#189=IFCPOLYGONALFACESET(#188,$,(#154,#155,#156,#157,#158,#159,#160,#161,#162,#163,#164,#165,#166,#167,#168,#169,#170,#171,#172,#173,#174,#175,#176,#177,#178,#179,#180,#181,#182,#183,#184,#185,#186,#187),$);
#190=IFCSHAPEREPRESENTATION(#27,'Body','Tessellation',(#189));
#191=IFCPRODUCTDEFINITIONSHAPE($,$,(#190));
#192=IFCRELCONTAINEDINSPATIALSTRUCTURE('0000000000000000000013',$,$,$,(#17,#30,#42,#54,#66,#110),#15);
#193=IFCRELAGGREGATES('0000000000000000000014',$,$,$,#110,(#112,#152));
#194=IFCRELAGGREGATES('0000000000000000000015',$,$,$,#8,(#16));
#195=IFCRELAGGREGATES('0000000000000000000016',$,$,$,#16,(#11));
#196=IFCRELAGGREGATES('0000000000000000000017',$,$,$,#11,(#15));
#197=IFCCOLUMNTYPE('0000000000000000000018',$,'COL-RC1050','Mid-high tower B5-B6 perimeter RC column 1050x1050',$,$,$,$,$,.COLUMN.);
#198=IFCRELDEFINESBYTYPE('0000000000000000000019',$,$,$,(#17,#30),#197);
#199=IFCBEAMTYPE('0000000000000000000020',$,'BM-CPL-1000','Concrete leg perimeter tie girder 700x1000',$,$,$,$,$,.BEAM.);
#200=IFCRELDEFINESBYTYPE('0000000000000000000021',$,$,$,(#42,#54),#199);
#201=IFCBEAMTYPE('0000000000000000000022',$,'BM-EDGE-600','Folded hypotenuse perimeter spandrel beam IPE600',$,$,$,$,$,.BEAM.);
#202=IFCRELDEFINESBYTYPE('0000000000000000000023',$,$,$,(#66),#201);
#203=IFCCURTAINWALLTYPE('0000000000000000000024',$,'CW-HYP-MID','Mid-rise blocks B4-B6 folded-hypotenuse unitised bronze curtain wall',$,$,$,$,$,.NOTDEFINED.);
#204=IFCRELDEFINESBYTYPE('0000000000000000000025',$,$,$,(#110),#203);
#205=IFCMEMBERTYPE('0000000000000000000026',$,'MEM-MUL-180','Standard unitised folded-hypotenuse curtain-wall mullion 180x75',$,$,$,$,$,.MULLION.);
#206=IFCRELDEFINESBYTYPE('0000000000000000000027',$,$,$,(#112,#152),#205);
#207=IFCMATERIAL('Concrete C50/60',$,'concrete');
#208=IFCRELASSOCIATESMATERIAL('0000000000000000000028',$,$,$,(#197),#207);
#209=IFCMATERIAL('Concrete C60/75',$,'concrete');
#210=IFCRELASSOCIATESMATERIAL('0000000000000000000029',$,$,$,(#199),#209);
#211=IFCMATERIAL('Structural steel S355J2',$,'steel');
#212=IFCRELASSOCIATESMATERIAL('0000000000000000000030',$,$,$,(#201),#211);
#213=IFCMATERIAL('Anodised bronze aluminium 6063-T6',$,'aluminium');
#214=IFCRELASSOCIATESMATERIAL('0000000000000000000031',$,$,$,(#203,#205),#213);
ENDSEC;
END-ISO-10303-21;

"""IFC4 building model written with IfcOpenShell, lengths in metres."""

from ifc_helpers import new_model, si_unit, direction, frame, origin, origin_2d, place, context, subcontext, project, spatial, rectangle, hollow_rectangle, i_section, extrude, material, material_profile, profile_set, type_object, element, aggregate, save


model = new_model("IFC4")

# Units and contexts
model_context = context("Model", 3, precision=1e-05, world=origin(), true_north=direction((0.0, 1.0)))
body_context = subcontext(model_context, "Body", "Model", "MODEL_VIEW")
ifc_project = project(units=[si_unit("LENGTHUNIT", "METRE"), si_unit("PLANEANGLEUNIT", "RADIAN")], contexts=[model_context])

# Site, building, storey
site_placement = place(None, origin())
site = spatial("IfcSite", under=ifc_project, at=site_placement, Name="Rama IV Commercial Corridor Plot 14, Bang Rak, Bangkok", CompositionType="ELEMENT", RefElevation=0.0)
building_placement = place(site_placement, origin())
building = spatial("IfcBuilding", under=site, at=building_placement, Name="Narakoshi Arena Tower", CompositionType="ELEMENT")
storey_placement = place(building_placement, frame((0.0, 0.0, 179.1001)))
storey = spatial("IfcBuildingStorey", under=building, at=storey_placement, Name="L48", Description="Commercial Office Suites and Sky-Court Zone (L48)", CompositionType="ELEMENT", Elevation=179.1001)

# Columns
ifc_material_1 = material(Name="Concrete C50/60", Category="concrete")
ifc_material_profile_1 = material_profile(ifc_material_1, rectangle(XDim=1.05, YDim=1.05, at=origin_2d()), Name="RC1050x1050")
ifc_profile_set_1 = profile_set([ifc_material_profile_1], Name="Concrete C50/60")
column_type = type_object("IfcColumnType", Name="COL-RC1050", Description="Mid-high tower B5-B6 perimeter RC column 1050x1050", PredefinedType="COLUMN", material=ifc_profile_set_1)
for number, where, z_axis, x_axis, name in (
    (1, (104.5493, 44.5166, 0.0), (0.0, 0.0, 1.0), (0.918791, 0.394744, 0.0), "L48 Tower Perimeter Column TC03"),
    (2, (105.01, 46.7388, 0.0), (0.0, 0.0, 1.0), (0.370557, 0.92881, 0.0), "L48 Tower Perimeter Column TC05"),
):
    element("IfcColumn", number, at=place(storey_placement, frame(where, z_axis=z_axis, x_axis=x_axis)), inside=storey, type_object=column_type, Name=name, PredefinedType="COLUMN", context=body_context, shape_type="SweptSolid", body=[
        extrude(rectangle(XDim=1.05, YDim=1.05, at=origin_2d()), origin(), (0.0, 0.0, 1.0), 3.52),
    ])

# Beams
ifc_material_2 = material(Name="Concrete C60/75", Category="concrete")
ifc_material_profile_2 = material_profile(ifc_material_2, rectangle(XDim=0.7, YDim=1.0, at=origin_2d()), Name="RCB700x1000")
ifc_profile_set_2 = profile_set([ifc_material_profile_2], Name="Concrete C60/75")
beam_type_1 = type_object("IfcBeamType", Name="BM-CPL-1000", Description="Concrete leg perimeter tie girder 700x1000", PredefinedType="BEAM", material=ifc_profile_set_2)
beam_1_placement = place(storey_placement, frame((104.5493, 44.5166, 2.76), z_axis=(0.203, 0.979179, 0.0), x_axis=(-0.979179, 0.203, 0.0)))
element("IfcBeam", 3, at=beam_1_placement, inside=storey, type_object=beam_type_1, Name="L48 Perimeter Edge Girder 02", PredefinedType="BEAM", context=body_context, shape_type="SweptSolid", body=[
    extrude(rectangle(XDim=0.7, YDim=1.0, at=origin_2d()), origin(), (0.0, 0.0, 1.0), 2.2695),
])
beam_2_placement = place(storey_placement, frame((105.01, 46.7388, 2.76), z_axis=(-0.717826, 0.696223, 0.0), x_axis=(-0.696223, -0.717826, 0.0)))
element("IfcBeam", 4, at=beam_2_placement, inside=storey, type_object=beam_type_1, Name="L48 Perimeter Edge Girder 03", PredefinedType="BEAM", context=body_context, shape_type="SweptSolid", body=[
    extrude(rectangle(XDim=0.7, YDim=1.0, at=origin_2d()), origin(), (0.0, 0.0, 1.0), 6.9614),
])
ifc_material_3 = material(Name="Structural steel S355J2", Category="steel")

────────────────

Task to complete: Find and copy each line of the listing above that holds the word "wall".

Completed task:
#203=IFCCURTAINWALLTYPE('0000000000000000000024',$,'CW-HYP-MID','Mid-rise blocks B4-B6 folded-hypotenuse unitised bronze curtain wall',$,$,$,$,$,.NOTDEFINED.);
#205=IFCMEMBERTYPE('0000000000000000000026',$,'MEM-MUL-180','Standard unitised folded-hypotenuse curtain-wall mullion 180x75',$,$,$,$,$,.MULLION.);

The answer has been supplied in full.